Dataset entries |
=== Begin Enclosure ===
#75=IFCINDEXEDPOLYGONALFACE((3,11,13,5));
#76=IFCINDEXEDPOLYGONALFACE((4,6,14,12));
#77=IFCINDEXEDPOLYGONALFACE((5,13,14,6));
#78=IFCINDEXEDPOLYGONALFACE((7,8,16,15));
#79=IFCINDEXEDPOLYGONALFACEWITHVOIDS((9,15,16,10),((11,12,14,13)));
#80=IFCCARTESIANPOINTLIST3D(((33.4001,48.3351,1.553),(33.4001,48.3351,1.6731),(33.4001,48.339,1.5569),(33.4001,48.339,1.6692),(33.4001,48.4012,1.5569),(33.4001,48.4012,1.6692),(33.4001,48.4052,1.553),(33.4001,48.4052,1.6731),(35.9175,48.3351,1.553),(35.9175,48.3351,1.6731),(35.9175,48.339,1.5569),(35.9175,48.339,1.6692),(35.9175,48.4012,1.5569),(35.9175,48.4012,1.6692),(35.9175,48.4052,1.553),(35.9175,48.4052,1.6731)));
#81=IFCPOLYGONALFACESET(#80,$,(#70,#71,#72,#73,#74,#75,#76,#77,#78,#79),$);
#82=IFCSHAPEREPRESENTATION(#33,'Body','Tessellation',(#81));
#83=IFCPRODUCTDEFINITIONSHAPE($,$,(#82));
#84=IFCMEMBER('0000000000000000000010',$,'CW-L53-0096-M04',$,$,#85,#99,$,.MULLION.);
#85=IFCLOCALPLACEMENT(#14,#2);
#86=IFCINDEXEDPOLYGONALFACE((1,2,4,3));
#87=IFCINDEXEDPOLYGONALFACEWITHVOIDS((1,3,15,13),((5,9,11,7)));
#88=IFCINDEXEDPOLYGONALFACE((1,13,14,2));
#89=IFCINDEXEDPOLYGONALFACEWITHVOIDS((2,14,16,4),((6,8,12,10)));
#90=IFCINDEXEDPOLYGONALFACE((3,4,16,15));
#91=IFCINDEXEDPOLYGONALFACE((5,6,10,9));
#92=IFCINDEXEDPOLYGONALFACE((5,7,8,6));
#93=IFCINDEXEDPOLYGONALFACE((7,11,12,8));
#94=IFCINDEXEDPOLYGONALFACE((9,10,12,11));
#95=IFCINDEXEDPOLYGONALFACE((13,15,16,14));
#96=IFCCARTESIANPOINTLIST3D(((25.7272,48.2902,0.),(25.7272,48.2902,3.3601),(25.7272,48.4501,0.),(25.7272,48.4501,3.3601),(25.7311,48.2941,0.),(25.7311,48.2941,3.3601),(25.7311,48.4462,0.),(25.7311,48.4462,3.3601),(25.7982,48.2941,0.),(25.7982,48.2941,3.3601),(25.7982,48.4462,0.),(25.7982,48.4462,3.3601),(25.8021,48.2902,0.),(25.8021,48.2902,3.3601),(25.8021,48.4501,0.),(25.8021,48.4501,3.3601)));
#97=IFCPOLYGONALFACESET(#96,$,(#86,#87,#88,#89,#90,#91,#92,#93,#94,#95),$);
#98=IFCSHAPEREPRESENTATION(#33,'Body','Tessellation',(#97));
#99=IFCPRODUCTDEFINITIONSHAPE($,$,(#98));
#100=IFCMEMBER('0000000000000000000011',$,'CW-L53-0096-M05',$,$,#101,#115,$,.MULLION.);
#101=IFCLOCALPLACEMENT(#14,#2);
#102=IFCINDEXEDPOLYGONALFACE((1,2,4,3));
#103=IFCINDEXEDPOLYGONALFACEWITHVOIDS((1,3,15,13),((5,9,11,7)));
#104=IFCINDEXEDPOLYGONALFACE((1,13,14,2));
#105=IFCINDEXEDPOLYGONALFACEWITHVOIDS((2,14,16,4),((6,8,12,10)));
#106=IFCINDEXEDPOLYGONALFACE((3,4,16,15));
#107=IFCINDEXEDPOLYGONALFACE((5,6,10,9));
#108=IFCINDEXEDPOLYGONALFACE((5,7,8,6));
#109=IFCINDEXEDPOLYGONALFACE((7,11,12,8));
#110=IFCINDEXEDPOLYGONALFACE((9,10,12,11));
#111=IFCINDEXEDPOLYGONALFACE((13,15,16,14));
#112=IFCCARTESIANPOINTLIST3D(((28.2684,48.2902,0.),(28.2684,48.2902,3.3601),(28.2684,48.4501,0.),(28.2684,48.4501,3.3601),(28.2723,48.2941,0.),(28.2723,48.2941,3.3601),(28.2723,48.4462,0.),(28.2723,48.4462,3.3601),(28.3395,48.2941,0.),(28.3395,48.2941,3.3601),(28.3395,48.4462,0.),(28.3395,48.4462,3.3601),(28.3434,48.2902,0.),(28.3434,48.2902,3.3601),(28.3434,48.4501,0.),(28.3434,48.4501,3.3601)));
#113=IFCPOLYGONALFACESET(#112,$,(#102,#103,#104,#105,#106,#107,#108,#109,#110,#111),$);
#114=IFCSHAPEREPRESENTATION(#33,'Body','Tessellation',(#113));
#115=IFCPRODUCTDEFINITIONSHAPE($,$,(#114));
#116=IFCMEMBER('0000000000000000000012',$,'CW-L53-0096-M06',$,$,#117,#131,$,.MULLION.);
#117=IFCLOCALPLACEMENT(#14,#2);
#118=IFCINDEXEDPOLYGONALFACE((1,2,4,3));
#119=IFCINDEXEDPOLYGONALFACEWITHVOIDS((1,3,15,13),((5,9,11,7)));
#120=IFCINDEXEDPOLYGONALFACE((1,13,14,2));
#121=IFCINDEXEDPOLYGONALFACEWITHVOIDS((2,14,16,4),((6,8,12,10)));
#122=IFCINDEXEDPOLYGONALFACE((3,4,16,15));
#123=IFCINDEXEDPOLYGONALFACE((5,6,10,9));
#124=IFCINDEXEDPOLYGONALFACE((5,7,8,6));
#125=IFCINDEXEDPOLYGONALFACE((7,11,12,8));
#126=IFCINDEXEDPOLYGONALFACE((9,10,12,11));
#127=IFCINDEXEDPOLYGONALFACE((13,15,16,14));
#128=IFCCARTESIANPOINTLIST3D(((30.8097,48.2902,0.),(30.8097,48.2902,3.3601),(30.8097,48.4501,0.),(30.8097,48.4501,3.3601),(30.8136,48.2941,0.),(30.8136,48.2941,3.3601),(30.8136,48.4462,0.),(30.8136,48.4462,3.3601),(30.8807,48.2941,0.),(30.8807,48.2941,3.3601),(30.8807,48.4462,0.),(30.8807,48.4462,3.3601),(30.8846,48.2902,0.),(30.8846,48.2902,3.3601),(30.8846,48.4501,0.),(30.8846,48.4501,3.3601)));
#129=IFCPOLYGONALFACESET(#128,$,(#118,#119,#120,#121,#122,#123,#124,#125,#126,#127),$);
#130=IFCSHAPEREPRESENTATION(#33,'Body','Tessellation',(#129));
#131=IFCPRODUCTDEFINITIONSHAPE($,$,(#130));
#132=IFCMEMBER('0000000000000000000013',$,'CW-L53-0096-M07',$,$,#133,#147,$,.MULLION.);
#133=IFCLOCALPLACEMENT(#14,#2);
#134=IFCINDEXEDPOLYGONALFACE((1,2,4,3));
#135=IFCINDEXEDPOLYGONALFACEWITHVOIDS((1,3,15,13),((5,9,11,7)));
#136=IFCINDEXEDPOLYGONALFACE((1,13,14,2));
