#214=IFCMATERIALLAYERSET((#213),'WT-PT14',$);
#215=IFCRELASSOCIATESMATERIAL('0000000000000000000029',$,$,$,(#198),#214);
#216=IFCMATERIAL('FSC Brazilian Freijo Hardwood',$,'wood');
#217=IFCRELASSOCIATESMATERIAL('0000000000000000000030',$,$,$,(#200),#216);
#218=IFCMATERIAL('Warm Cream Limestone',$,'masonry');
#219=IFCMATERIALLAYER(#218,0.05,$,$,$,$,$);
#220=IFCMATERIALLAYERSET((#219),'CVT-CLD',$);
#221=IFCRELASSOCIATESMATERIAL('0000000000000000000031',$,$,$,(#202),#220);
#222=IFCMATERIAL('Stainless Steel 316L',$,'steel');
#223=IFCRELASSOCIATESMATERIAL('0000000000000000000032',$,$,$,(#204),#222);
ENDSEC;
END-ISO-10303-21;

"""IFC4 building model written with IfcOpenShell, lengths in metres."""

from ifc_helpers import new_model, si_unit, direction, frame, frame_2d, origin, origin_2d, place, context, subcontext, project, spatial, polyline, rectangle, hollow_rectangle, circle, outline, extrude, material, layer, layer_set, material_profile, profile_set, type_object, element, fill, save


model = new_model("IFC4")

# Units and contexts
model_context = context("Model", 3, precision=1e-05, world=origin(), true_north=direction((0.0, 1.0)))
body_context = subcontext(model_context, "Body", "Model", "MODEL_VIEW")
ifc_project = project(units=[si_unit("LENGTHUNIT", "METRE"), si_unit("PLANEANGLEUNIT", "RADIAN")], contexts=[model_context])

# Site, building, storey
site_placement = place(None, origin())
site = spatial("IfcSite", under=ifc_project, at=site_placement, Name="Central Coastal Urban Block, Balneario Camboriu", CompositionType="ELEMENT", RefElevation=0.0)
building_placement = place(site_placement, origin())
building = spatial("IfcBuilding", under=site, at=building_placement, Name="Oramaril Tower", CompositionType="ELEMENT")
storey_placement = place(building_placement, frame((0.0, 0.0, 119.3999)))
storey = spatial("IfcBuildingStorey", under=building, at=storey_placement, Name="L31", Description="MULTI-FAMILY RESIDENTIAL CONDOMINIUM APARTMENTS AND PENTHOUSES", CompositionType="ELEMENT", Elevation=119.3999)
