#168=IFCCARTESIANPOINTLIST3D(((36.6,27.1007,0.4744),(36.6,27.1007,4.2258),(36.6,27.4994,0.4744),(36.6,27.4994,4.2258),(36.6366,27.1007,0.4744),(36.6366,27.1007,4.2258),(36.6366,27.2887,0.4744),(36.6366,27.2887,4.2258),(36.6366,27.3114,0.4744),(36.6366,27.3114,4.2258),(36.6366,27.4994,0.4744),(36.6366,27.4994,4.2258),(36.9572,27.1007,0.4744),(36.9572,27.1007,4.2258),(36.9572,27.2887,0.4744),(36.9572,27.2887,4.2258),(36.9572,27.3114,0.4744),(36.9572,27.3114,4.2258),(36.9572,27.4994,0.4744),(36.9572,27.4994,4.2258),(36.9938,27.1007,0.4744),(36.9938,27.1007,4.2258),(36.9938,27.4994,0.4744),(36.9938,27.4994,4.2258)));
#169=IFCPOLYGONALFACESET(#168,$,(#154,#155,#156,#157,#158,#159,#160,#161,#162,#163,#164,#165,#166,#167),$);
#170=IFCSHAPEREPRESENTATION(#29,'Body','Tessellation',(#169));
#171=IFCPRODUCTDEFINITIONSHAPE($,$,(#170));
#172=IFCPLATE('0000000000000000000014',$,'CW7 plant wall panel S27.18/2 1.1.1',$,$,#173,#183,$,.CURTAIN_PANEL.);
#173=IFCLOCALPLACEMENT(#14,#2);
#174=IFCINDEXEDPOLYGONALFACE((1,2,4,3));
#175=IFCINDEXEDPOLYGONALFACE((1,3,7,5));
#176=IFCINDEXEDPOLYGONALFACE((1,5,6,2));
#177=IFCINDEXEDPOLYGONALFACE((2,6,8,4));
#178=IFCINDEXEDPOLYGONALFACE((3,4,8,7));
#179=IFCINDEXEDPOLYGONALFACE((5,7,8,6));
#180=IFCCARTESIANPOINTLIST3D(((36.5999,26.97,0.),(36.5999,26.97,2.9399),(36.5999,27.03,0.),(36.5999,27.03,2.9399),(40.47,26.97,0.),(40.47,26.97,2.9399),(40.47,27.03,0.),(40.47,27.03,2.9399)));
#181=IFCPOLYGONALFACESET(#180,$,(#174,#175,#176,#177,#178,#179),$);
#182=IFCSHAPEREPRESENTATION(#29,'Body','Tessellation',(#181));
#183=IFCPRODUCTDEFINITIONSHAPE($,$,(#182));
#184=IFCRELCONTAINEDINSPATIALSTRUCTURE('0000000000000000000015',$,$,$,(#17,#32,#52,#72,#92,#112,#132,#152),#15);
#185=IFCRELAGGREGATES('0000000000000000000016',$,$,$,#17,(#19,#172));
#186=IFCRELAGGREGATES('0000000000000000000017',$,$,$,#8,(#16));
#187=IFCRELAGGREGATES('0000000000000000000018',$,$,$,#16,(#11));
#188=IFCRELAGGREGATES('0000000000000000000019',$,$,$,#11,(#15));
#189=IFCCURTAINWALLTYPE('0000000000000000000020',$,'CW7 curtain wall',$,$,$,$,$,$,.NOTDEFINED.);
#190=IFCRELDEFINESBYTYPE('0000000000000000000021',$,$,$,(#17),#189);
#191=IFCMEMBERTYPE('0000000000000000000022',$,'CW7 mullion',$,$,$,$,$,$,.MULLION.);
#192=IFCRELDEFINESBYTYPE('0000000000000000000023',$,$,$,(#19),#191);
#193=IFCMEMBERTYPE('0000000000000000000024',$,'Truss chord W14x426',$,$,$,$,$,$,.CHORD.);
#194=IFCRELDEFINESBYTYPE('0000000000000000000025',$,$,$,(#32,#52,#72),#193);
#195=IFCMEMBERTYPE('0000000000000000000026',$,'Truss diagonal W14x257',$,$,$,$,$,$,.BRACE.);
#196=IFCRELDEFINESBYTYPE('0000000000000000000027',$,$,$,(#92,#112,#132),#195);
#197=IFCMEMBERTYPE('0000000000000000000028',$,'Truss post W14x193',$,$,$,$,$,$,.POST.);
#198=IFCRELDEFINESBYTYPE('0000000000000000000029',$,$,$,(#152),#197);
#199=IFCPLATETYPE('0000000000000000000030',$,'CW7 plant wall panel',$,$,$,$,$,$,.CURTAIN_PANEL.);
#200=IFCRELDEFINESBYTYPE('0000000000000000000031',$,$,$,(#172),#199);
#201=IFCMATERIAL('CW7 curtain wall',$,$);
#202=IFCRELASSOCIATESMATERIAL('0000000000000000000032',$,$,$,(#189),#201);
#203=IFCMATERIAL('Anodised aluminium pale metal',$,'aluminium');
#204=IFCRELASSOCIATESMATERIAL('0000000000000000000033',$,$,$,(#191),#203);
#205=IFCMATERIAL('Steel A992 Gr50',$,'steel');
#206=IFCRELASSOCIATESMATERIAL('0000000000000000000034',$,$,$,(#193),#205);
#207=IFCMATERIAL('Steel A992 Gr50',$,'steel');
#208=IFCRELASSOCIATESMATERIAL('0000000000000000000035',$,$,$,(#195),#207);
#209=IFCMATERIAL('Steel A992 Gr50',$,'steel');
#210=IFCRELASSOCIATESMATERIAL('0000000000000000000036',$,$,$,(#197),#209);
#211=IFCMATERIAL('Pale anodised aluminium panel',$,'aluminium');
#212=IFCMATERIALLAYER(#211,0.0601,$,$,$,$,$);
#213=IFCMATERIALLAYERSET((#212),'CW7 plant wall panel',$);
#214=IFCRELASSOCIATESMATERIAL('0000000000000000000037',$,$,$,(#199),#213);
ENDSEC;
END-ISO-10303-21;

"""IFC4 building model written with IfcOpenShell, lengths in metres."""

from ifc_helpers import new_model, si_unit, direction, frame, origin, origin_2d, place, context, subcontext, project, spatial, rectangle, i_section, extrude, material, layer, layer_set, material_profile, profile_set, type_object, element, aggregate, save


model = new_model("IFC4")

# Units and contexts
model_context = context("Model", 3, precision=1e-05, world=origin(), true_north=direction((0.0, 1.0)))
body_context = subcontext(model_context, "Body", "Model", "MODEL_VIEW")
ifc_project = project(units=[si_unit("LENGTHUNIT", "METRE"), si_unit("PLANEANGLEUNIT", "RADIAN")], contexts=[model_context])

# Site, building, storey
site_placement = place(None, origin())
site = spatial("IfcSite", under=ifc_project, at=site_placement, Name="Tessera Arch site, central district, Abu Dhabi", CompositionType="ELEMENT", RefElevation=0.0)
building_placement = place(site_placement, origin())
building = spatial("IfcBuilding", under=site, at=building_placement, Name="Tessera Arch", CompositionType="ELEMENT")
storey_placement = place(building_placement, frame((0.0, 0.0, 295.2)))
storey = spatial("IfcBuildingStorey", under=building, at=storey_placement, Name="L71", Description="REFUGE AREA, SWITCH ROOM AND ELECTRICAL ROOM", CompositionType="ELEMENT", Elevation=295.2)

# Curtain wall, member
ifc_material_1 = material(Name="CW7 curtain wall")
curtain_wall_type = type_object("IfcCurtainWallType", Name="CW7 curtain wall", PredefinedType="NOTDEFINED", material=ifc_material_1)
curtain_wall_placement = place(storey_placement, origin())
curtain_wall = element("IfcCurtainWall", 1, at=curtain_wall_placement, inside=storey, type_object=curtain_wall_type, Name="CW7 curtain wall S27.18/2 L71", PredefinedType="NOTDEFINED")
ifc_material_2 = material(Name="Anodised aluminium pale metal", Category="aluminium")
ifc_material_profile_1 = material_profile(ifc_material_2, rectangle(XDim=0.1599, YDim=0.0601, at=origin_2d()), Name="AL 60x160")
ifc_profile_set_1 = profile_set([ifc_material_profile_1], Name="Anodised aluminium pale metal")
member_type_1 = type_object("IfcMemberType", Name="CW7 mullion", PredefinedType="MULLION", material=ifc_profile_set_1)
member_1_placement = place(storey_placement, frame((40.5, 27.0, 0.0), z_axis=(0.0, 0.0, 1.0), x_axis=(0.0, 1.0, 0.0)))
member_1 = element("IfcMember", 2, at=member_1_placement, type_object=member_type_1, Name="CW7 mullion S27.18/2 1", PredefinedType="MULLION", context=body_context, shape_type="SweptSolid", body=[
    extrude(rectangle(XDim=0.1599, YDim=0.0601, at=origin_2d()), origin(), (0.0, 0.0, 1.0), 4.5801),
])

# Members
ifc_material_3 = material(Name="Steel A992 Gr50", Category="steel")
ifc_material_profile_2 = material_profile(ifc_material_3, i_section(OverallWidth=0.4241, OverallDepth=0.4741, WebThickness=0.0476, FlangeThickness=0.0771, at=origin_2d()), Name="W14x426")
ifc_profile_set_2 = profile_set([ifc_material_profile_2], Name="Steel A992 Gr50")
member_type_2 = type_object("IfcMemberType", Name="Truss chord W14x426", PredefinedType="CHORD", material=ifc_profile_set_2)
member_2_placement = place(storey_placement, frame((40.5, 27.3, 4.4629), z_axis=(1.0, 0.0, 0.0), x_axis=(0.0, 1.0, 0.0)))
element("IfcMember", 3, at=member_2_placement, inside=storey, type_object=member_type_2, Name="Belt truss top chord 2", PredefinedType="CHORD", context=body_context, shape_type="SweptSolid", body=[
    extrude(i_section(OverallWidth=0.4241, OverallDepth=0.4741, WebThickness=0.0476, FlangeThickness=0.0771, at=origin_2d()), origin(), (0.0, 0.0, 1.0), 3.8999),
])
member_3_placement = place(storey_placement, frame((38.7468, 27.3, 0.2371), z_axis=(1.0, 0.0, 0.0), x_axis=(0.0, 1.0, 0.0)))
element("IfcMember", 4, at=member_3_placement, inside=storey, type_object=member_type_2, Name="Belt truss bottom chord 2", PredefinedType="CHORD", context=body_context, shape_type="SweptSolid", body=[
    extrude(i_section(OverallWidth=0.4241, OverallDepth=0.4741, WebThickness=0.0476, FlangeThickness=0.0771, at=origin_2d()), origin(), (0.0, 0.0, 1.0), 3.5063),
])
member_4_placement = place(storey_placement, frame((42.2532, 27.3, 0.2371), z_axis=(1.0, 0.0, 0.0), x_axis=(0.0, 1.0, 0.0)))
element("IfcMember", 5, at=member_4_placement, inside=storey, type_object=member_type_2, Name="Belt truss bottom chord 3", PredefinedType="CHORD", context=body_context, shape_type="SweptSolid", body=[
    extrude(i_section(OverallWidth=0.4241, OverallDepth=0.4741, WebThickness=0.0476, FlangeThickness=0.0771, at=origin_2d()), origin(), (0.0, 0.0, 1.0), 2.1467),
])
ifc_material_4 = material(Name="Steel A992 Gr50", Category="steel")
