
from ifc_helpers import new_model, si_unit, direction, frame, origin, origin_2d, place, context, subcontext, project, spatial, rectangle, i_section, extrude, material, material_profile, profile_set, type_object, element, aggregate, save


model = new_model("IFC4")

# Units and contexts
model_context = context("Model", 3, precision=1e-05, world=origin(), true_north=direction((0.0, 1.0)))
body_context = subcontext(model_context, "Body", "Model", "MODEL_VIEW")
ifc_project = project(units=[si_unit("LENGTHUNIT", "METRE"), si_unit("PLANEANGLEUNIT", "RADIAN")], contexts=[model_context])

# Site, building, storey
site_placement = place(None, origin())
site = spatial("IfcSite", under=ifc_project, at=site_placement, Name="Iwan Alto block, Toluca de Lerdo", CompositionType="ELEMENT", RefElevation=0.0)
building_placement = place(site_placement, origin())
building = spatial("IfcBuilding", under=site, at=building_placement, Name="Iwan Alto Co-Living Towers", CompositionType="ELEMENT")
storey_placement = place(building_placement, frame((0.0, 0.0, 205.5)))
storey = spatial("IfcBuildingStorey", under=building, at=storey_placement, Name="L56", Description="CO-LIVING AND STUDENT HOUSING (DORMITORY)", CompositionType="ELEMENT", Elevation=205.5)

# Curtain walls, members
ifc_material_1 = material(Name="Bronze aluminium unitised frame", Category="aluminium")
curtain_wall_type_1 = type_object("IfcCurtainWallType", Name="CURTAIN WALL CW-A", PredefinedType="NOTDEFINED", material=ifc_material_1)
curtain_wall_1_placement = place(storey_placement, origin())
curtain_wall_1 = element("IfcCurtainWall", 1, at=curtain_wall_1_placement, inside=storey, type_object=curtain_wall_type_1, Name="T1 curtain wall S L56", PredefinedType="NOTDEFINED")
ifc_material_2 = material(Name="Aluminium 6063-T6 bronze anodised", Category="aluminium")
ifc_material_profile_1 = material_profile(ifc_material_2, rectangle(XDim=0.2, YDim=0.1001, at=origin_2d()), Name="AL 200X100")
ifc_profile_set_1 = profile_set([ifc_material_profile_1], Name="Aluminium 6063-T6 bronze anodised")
=== End Enclosure ===
Task item | Of the entries above, transcribe exactly those lines that fall between the line containing "#216=IFCMATERIAL('FSC Brazilian Freijo" and the line containing "RESIDENTIAL CONDOMINIUM APARTMENTS", together with those two lines.

Answer area |
#216=IFCMATERIAL('FSC Brazilian Freijo Hardwood',$,'wood');
#217=IFCRELASSOCIATESMATERIAL('0000000000000000000030',$,$,$,(#200),#216);
#218=IFCMATERIAL('Warm Cream Limestone',$,'masonry');
#219=IFCMATERIALLAYER(#218,0.05,$,$,$,$,$);
#220=IFCMATERIALLAYERSET((#219),'CVT-CLD',$);
#221=IFCRELASSOCIATESMATERIAL('0000000000000000000031',$,$,$,(#202),#220);
#222=IFCMATERIAL('Stainless Steel 316L',$,'steel');
#223=IFCRELASSOCIATESMATERIAL('0000000000000000000032',$,$,$,(#204),#222);
ENDSEC;
END-ISO-10303-21;

"""IFC4 building model written with IfcOpenShell, lengths in metres."""

from ifc_helpers import new_model, si_unit, direction, frame, frame_2d, origin, origin_2d, place, context, subcontext, project, spatial, polyline, rectangle, hollow_rectangle, circle, outline, extrude, material, layer, layer_set, material_profile, profile_set, type_object, element, fill, save


model = new_model("IFC4")

# Units and contexts
model_context = context("Model", 3, precision=1e-05, world=origin(), true_north=direction((0.0, 1.0)))
body_context = subcontext(model_context, "Body", "Model", "MODEL_VIEW")
ifc_project = project(units=[si_unit("LENGTHUNIT", "METRE"), si_unit("PLANEANGLEUNIT", "RADIAN")], contexts=[model_context])

# Site, building, storey
site_placement = place(None, origin())
site = spatial("IfcSite", under=ifc_project, at=site_placement, Name="Central Coastal Urban Block, Balneario Camboriu", CompositionType="ELEMENT", RefElevation=0.0)
building_placement = place(site_placement, origin())
building = spatial("IfcBuilding", under=site, at=building_placement, Name="Oramaril Tower", CompositionType="ELEMENT")
storey_placement = place(building_placement, frame((0.0, 0.0, 119.3999)))
storey = spatial("IfcBuildingStorey", under=building, at=storey_placement, Name="L31", Description="MULTI-FAMILY RESIDENTIAL CONDOMINIUM APARTMENTS AND PENTHOUSES", CompositionType="ELEMENT", Elevation=119.3999)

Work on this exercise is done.